**Required action:** Beginning at the first line of the data, print each line exactly, stopping after the line that contains "#101=IFCINDEXEDPOLYGONALFACE((1,5,6,2));".

Input data section start

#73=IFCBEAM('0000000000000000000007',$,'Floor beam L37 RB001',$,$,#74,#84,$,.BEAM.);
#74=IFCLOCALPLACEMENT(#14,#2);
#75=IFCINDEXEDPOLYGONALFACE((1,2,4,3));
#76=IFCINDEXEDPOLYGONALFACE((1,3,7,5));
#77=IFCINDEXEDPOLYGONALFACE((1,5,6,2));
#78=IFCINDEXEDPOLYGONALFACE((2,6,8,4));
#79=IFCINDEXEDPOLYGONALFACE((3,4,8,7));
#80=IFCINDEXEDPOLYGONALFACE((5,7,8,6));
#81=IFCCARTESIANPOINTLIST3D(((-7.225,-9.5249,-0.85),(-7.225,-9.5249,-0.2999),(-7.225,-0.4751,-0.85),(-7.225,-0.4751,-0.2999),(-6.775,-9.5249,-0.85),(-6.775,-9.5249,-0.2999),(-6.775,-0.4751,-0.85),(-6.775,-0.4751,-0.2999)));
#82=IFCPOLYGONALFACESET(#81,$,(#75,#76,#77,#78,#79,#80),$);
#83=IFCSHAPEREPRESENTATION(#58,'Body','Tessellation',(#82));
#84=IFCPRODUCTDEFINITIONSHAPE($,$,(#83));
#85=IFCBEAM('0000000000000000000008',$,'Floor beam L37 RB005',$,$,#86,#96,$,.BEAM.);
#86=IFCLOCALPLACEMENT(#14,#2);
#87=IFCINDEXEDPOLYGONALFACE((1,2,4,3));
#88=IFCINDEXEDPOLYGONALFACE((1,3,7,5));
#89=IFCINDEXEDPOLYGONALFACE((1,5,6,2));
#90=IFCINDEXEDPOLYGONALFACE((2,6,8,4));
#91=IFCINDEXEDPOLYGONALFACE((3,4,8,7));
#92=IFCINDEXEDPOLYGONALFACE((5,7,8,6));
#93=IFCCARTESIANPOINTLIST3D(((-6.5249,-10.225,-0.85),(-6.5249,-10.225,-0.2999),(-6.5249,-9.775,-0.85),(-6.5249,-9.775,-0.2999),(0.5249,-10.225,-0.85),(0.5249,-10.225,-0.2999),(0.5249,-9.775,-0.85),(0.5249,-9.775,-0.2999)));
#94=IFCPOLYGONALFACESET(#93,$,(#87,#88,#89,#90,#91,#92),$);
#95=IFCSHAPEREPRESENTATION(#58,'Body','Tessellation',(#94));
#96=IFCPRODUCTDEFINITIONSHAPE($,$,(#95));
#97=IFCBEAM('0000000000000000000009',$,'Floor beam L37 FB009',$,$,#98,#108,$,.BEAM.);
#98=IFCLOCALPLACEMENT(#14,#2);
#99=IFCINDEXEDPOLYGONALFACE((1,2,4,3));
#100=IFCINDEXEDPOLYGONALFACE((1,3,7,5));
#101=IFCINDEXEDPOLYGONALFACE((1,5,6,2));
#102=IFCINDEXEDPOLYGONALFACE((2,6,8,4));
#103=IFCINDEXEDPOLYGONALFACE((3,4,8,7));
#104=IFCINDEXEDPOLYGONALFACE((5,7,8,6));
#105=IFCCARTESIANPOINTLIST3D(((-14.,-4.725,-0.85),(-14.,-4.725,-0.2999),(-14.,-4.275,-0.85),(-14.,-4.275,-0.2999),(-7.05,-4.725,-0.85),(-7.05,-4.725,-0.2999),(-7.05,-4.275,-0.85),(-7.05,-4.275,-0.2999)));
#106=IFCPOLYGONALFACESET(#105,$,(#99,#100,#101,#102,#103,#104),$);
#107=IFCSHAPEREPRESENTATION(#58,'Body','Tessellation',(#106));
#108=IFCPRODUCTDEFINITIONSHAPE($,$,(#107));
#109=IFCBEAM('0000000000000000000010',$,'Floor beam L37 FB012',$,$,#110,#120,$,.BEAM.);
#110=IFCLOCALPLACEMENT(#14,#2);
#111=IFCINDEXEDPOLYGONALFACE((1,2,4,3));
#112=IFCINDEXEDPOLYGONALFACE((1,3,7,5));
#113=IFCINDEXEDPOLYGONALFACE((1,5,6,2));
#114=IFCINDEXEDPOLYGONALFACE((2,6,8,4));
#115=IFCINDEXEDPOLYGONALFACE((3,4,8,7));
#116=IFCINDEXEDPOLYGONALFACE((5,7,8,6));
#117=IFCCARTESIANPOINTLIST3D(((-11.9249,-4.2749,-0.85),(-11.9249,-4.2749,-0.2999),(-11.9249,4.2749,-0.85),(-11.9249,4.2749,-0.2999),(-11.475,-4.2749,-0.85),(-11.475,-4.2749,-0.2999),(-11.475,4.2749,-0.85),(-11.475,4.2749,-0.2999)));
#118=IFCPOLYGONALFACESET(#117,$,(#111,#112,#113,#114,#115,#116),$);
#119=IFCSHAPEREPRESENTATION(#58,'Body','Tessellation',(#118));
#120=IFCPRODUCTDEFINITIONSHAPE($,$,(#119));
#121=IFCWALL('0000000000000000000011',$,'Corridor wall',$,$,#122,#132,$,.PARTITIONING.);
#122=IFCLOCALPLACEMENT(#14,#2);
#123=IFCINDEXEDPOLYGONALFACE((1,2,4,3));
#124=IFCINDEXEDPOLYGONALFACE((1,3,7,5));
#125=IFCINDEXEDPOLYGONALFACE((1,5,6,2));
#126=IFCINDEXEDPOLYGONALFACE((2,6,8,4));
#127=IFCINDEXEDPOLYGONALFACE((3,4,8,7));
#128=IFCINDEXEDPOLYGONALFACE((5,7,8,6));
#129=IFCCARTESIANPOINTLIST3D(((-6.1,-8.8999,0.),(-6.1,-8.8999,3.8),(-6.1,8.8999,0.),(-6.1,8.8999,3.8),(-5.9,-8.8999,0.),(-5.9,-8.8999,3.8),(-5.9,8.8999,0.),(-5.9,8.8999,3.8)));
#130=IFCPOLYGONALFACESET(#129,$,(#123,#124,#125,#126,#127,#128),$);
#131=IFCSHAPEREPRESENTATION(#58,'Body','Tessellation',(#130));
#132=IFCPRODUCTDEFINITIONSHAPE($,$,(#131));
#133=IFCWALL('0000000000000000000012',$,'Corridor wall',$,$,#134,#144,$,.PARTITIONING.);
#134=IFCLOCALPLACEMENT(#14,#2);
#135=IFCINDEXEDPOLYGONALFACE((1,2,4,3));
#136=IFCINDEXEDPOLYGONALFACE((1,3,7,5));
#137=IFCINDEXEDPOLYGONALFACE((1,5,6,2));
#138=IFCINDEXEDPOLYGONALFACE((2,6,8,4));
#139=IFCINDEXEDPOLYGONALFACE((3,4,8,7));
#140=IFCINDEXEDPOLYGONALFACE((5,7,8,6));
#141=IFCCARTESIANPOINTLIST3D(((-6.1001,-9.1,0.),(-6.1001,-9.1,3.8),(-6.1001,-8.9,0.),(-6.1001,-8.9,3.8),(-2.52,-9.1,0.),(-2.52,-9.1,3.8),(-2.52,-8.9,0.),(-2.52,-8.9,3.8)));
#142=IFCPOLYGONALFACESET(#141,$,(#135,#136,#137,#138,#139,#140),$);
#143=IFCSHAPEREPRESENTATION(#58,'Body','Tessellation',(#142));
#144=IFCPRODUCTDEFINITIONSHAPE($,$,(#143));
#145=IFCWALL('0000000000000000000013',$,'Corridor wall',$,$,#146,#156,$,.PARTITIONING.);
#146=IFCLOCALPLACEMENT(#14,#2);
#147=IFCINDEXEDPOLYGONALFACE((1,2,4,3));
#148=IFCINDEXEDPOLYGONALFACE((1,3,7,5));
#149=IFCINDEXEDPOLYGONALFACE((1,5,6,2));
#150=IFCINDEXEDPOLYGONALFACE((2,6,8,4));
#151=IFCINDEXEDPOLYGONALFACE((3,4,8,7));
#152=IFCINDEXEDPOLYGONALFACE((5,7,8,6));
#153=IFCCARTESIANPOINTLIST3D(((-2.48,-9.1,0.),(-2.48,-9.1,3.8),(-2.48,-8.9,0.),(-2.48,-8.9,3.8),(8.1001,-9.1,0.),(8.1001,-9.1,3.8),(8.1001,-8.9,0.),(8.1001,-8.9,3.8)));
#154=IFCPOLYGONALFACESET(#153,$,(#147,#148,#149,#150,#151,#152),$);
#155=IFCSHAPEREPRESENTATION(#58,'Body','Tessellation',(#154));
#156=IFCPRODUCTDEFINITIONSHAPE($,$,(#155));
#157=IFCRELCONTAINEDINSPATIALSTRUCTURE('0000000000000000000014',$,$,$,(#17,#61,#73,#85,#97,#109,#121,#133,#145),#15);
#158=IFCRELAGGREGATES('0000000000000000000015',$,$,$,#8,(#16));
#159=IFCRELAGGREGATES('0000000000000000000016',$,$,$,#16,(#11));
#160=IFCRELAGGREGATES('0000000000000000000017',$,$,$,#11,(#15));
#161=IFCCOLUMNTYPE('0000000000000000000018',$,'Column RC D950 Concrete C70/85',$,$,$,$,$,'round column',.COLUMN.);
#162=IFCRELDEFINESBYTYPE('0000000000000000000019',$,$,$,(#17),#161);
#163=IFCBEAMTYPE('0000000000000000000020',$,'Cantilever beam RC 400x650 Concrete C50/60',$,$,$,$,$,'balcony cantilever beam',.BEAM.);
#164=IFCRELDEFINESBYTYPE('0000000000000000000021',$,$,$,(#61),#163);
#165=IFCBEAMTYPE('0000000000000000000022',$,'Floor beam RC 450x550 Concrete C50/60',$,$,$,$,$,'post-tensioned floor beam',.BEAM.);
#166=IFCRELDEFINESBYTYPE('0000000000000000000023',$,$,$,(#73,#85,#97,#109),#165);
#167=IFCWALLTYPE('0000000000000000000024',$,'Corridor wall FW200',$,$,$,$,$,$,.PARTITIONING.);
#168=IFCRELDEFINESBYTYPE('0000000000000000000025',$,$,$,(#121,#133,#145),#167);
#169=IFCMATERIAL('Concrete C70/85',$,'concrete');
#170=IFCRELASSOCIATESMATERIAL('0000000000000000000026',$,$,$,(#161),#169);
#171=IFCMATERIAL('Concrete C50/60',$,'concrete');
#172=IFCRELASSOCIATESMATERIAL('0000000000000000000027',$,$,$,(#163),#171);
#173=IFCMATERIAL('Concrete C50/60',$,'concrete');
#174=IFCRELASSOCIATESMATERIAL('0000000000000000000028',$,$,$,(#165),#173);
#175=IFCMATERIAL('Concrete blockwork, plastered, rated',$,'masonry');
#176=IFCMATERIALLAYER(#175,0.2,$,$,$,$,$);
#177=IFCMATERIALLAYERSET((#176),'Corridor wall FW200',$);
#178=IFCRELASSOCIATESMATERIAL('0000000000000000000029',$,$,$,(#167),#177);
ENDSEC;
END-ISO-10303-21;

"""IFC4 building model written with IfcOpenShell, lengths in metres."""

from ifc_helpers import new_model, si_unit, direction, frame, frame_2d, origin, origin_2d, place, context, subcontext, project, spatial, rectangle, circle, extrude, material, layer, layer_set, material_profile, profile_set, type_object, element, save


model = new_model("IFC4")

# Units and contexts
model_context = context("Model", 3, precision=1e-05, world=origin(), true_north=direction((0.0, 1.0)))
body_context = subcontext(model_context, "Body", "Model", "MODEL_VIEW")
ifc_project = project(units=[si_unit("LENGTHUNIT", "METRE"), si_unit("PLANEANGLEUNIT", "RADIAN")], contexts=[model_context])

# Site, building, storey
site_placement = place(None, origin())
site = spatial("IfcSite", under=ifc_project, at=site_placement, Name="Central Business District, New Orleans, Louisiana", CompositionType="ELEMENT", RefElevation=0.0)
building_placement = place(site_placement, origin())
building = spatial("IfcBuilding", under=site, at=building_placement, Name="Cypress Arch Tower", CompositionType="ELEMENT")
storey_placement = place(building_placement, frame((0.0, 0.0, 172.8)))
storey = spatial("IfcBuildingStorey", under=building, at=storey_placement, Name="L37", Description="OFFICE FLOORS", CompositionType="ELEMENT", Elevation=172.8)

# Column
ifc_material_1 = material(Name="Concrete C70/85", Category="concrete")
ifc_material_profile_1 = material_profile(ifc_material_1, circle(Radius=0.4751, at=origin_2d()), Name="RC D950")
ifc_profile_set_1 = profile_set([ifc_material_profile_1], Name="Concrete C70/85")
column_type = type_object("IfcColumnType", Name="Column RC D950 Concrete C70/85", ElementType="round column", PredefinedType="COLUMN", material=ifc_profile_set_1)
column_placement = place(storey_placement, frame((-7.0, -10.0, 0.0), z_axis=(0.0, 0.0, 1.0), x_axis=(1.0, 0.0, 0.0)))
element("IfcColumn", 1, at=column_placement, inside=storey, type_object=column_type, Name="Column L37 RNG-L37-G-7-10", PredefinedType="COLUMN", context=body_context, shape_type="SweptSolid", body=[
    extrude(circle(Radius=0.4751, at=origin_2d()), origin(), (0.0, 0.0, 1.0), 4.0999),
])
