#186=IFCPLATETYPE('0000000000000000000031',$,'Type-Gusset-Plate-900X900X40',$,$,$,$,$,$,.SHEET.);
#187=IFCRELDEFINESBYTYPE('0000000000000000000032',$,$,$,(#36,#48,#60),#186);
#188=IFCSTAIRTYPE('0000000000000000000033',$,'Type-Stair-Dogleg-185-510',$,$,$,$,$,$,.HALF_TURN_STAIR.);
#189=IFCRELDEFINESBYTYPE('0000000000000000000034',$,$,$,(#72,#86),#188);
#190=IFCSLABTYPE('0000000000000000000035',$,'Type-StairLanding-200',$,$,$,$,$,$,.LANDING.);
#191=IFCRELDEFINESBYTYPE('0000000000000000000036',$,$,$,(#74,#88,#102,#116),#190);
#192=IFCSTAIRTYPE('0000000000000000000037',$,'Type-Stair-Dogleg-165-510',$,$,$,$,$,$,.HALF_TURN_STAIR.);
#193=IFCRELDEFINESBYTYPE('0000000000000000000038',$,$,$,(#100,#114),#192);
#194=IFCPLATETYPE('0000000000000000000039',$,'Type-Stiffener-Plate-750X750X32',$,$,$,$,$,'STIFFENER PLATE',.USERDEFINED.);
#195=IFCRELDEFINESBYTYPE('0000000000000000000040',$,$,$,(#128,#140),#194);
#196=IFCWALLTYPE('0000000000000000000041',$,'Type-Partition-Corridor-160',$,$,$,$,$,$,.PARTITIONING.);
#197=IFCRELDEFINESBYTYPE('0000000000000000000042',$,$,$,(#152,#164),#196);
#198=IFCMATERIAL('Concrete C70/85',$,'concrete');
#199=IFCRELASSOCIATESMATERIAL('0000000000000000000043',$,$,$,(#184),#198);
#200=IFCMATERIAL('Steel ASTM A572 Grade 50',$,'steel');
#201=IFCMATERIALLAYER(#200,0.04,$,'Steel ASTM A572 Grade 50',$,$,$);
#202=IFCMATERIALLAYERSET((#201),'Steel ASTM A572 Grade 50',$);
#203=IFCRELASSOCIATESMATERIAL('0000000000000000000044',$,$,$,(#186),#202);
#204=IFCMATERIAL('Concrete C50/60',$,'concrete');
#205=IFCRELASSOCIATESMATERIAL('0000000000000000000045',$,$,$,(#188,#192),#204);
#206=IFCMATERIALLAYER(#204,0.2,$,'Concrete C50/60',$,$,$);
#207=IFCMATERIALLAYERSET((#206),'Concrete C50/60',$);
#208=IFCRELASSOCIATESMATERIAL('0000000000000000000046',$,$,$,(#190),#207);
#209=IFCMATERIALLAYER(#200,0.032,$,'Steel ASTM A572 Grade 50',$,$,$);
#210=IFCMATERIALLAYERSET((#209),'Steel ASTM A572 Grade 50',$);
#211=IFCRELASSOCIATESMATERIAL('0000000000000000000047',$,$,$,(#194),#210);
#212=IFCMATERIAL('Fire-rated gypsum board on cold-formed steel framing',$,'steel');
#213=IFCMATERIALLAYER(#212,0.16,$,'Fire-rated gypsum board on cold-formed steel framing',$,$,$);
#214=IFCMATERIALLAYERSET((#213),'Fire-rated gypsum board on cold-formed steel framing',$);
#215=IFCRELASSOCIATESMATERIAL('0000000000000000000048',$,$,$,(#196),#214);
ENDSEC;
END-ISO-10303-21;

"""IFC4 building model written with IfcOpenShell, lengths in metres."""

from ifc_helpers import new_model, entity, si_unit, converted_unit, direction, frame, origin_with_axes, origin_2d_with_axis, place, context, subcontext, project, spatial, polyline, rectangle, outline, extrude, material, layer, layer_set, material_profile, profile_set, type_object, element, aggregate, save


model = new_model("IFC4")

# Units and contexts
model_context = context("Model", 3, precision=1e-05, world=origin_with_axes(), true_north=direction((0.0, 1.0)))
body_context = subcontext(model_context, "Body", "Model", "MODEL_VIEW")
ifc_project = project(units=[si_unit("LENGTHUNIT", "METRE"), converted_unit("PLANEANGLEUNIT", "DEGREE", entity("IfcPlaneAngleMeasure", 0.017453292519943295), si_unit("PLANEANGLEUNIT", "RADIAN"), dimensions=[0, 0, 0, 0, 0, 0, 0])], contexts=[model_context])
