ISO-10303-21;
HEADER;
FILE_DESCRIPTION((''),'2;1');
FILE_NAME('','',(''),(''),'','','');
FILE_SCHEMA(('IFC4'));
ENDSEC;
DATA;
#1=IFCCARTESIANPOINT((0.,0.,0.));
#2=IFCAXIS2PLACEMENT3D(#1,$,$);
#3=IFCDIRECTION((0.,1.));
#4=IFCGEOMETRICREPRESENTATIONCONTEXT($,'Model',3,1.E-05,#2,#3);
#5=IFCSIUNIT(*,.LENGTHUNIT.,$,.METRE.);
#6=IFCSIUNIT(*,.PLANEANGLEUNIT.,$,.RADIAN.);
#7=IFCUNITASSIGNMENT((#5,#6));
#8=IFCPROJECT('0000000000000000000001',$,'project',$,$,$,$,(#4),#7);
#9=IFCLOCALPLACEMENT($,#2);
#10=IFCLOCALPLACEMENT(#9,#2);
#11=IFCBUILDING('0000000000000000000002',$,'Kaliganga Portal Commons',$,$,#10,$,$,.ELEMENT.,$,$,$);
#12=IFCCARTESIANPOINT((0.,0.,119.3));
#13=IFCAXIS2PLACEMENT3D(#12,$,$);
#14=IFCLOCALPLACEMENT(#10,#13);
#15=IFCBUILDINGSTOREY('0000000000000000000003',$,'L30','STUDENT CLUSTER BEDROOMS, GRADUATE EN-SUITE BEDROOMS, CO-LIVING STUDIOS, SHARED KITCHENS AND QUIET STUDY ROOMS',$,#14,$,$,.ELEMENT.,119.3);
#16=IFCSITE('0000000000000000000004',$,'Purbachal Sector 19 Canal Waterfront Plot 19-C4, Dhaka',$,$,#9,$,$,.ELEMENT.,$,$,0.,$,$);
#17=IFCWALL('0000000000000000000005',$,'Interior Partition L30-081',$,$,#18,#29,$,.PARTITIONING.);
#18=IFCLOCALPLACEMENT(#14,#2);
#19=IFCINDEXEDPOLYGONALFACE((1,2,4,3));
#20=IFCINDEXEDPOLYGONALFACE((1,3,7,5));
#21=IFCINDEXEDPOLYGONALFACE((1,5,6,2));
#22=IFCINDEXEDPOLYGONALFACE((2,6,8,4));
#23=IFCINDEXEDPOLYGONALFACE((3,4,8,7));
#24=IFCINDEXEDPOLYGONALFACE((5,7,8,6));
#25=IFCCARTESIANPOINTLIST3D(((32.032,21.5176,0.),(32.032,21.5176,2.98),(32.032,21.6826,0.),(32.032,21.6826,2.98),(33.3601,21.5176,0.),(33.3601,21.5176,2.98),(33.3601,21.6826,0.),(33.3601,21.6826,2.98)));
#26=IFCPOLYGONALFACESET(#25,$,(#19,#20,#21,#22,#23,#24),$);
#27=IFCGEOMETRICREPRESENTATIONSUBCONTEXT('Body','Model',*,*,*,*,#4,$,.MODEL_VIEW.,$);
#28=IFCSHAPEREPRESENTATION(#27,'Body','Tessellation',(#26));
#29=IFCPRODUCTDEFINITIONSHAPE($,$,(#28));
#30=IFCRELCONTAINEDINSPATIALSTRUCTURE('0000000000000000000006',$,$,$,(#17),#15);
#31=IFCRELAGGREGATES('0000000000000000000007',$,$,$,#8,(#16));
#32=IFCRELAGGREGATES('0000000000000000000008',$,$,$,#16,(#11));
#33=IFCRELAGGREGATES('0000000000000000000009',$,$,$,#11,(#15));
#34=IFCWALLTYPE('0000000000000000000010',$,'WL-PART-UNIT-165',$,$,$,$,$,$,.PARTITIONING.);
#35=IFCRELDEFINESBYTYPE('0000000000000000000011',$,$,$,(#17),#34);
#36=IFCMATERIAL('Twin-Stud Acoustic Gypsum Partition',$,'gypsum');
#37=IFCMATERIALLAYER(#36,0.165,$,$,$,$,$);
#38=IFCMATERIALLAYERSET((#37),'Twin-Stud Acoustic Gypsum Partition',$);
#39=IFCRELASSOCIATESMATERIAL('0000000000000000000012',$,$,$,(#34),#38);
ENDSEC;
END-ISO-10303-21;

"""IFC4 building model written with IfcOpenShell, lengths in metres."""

from ifc_helpers import new_model, si_unit, direction, frame, frame_2d, origin, place, context, subcontext, project, spatial, rectangle, extrude, material, layer, layer_set, type_object, element, save


model = new_model("IFC4")

# Units and contexts
model_context = context("Model", 3, precision=1e-05, world=origin(), true_north=direction((0.0, 1.0)))
body_context = subcontext(model_context, "Body", "Model", "MODEL_VIEW")
ifc_project = project(units=[si_unit("LENGTHUNIT", "METRE"), si_unit("PLANEANGLEUNIT", "RADIAN")], contexts=[model_context])

# Site, building, storey
site_placement = place(None, origin())
site = spatial("IfcSite", under=ifc_project, at=site_placement, Name="Purbachal Sector 19 Canal Waterfront Plot 19-C4, Dhaka", CompositionType="ELEMENT", RefElevation=0.0)
building_placement = place(site_placement, origin())
building = spatial("IfcBuilding", under=site, at=building_placement, Name="Kaliganga Portal Commons", CompositionType="ELEMENT")
storey_placement = place(building_placement, frame((0.0, 0.0, 119.3)))
storey = spatial("IfcBuildingStorey", under=building, at=storey_placement, Name="L30", Description="STUDENT CLUSTER BEDROOMS, GRADUATE EN-SUITE BEDROOMS, CO-LIVING STUDIOS, SHARED KITCHENS AND QUIET STUDY ROOMS", CompositionType="ELEMENT", Elevation=119.3)

# Wall
ifc_material_1 = material(Name="Twin-Stud Acoustic Gypsum Partition", Category="gypsum")
ifc_layer_1 = layer(ifc_material_1, 0.165)
ifc_layer_set_1 = layer_set([ifc_layer_1], Name="Twin-Stud Acoustic Gypsum Partition")
wall_type_1 = type_object("IfcWallType", Name="WL-PART-UNIT-165", PredefinedType="PARTITIONING", material=ifc_layer_set_1)
wall_1_placement = place(storey_placement, frame((32.032, 21.6001, 0.0), z_axis=(0.0, 0.0, 1.0), x_axis=(1.0, 0.0, 0.0)))
element("IfcWall", 1, at=wall_1_placement, inside=storey, type_object=wall_type_1, Name="Interior Partition L30-081", PredefinedType="PARTITIONING", context=body_context, shape_type="SweptSolid", body=[
    extrude(rectangle(XDim=1.3281, YDim=0.165, at=frame_2d((0.6641, 0.0))), origin(), (0.0, 0.0, 1.0), 2.98),
])

save(model, "model.ifc")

Input data section end

**Completed exercise:**
#73=IFCBEAM('0000000000000000000007',$,'Floor beam L37 RB001',$,$,#74,#84,$,.BEAM.);
#74=IFCLOCALPLACEMENT(#14,#2);
#75=IFCINDEXEDPOLYGONALFACE((1,2,4,3));
#76=IFCINDEXEDPOLYGONALFACE((1,3,7,5));
#77=IFCINDEXEDPOLYGONALFACE((1,5,6,2));
#78=IFCINDEXEDPOLYGONALFACE((2,6,8,4));
#79=IFCINDEXEDPOLYGONALFACE((3,4,8,7));
#80=IFCINDEXEDPOLYGONALFACE((5,7,8,6));
#81=IFCCARTESIANPOINTLIST3D(((-7.225,-9.5249,-0.85),(-7.225,-9.5249,-0.2999),(-7.225,-0.4751,-0.85),(-7.225,-0.4751,-0.2999),(-6.775,-9.5249,-0.85),(-6.775,-9.5249,-0.2999),(-6.775,-0.4751,-0.85),(-6.775,-0.4751,-0.2999)));
#82=IFCPOLYGONALFACESET(#81,$,(#75,#76,#77,#78,#79,#80),$);
#83=IFCSHAPEREPRESENTATION(#58,'Body','Tessellation',(#82));
#84=IFCPRODUCTDEFINITIONSHAPE($,$,(#83));
#85=IFCBEAM('0000000000000000000008',$,'Floor beam L37 RB005',$,$,#86,#96,$,.BEAM.);
#86=IFCLOCALPLACEMENT(#14,#2);
#87=IFCINDEXEDPOLYGONALFACE((1,2,4,3));
#88=IFCINDEXEDPOLYGONALFACE((1,3,7,5));
#89=IFCINDEXEDPOLYGONALFACE((1,5,6,2));
#90=IFCINDEXEDPOLYGONALFACE((2,6,8,4));
#91=IFCINDEXEDPOLYGONALFACE((3,4,8,7));
#92=IFCINDEXEDPOLYGONALFACE((5,7,8,6));
#93=IFCCARTESIANPOINTLIST3D(((-6.5249,-10.225,-0.85),(-6.5249,-10.225,-0.2999),(-6.5249,-9.775,-0.85),(-6.5249,-9.775,-0.2999),(0.5249,-10.225,-0.85),(0.5249,-10.225,-0.2999),(0.5249,-9.775,-0.85),(0.5249,-9.775,-0.2999)));
#94=IFCPOLYGONALFACESET(#93,$,(#87,#88,#89,#90,#91,#92),$);
#95=IFCSHAPEREPRESENTATION(#58,'Body','Tessellation',(#94));
#96=IFCPRODUCTDEFINITIONSHAPE($,$,(#95));
#97=IFCBEAM('0000000000000000000009',$,'Floor beam L37 FB009',$,$,#98,#108,$,.BEAM.);
#98=IFCLOCALPLACEMENT(#14,#2);
#99=IFCINDEXEDPOLYGONALFACE((1,2,4,3));
#100=IFCINDEXEDPOLYGONALFACE((1,3,7,5));
#101=IFCINDEXEDPOLYGONALFACE((1,5,6,2));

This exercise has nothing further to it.